┌────────

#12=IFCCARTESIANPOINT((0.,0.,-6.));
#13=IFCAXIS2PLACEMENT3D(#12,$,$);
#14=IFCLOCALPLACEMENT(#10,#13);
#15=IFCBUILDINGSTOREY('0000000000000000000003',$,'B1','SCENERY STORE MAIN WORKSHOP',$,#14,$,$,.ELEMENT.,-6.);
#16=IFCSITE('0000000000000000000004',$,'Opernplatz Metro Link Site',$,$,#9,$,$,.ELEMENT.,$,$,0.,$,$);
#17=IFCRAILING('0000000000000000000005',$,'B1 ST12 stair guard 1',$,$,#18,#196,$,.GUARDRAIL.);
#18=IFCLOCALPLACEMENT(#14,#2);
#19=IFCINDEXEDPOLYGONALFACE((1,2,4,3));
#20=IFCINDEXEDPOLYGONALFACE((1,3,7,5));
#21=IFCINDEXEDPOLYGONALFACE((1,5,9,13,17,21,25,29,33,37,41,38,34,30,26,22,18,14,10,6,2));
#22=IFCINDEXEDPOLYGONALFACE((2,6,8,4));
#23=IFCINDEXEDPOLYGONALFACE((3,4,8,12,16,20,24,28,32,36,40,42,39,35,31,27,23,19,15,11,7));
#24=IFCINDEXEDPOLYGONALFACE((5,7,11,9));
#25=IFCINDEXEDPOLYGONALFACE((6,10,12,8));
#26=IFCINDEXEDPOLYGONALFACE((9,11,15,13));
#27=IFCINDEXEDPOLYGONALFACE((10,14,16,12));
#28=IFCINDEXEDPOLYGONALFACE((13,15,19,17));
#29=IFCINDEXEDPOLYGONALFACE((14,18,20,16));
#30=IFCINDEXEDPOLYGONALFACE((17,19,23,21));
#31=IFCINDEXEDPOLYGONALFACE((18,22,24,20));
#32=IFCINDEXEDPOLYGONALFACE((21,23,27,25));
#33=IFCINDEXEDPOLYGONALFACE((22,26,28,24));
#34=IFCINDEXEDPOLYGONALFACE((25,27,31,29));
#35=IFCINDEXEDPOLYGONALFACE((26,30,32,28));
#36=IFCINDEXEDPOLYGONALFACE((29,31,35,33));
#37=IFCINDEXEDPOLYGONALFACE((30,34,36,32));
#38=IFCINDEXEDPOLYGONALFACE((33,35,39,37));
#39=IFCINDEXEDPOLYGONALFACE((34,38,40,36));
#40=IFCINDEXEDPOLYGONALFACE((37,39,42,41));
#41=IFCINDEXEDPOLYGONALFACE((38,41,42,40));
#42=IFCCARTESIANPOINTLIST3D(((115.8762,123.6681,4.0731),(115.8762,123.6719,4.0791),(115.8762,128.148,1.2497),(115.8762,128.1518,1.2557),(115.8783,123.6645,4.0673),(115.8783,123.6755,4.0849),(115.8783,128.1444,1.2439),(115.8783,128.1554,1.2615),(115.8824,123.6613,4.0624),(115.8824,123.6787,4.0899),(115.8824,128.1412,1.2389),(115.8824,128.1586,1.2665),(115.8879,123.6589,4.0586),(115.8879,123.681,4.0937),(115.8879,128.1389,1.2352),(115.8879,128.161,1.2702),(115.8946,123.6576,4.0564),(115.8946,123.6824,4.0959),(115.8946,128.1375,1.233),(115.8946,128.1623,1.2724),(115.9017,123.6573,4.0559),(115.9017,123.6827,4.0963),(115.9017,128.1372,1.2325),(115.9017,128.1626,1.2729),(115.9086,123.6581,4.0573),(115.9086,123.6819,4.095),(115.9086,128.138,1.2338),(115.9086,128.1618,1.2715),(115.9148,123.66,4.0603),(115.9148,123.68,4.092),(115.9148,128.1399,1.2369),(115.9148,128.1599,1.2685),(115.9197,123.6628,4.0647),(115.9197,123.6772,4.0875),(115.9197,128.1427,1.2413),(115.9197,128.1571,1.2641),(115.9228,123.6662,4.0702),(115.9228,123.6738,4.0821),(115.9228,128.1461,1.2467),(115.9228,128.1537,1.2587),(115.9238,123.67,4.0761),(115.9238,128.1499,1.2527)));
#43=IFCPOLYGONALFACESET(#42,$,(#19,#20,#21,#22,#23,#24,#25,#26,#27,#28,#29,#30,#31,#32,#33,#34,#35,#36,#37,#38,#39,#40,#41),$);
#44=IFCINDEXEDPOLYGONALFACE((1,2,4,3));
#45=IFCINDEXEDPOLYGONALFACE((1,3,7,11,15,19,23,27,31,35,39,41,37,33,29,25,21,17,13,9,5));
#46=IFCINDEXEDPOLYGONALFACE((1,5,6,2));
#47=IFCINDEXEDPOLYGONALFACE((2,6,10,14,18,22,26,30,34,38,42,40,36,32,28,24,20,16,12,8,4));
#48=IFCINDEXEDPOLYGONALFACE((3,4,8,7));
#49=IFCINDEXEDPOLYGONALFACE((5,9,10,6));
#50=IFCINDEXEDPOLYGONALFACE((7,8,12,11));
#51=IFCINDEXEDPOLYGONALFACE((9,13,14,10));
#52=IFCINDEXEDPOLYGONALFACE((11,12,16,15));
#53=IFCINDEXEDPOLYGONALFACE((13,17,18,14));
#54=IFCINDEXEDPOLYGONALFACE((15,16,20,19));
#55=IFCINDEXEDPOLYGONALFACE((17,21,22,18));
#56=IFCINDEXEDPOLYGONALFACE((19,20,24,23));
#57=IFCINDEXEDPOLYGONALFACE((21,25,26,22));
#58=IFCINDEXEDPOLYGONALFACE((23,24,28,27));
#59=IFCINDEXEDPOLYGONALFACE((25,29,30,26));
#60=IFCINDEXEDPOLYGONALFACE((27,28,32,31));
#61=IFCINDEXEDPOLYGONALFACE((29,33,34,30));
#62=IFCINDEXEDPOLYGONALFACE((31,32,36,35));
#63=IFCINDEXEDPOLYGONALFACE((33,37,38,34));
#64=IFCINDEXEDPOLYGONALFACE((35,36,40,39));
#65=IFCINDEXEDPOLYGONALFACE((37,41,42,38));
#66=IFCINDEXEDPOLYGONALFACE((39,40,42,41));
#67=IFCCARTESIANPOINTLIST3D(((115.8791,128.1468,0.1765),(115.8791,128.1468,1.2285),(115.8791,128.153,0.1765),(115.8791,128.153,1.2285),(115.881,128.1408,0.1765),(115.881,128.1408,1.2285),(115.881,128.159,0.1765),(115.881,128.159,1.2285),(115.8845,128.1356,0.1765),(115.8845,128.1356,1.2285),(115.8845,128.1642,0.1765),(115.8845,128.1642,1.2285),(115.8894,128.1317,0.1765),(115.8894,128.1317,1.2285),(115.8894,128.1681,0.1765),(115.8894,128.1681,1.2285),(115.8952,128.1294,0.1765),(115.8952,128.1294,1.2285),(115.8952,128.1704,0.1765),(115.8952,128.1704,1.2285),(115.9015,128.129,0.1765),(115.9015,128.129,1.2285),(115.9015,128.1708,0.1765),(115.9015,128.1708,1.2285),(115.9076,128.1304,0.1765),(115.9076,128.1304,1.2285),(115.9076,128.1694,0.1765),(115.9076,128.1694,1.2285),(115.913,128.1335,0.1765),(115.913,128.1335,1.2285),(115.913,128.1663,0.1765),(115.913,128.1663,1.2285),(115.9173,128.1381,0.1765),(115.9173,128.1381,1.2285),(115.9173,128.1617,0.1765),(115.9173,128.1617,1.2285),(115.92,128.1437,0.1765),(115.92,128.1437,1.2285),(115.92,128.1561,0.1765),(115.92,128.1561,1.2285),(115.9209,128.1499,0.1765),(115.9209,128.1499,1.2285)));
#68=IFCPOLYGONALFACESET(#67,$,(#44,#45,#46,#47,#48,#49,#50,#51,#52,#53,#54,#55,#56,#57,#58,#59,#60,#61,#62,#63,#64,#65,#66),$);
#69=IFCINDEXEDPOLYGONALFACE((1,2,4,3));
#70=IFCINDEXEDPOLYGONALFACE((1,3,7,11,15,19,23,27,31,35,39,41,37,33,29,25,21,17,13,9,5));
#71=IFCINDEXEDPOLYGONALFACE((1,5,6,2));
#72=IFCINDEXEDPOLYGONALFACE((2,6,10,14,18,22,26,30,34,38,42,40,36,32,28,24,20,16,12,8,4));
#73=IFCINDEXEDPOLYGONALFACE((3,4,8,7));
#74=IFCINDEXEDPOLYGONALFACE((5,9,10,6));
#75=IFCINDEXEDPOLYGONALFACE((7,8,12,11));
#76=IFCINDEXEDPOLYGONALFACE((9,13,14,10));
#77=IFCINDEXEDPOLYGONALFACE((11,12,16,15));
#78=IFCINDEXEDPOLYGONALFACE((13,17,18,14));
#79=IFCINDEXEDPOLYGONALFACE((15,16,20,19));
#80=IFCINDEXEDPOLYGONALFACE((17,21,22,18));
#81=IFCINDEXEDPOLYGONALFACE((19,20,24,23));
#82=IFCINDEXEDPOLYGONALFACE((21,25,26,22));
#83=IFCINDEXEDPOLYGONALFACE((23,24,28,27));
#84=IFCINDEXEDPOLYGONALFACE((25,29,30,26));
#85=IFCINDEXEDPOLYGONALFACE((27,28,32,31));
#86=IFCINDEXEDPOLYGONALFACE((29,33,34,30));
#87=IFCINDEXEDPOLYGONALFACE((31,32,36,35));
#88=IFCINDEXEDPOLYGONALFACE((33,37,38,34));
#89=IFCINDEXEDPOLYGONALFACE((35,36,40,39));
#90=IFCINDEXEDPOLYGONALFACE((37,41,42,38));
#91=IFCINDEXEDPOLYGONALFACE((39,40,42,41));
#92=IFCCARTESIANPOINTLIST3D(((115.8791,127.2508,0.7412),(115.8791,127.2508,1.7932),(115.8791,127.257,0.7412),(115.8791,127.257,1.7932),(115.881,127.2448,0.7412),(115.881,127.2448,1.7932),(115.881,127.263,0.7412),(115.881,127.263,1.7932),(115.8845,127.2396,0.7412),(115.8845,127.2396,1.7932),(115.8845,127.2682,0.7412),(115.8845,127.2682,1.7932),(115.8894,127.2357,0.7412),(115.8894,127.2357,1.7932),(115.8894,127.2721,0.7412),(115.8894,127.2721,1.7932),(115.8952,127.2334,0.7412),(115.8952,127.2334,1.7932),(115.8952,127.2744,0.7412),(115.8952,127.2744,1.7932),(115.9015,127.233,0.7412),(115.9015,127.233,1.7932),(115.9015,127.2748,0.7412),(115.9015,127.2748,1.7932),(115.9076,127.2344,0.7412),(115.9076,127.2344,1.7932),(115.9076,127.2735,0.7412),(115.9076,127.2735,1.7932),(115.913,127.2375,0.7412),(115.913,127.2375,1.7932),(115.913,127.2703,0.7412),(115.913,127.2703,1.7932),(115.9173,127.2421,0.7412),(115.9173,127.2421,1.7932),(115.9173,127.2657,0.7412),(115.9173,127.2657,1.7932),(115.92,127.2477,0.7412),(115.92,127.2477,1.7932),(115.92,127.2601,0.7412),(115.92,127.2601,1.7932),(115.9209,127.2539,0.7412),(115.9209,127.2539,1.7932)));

└────────

Wherever a line above contains the string "IFCPOLYGONALFACESET", copy that line.

#43=IFCPOLYGONALFACESET(#42,$,(#19,#20,#21,#22,#23,#24,#25,#26,#27,#28,#29,#30,#31,#32,#33,#34,#35,#36,#37,#38,#39,#40,#41),$);
#68=IFCPOLYGONALFACESET(#67,$,(#44,#45,#46,#47,#48,#49,#50,#51,#52,#53,#54,#55,#56,#57,#58,#59,#60,#61,#62,#63,#64,#65,#66),$);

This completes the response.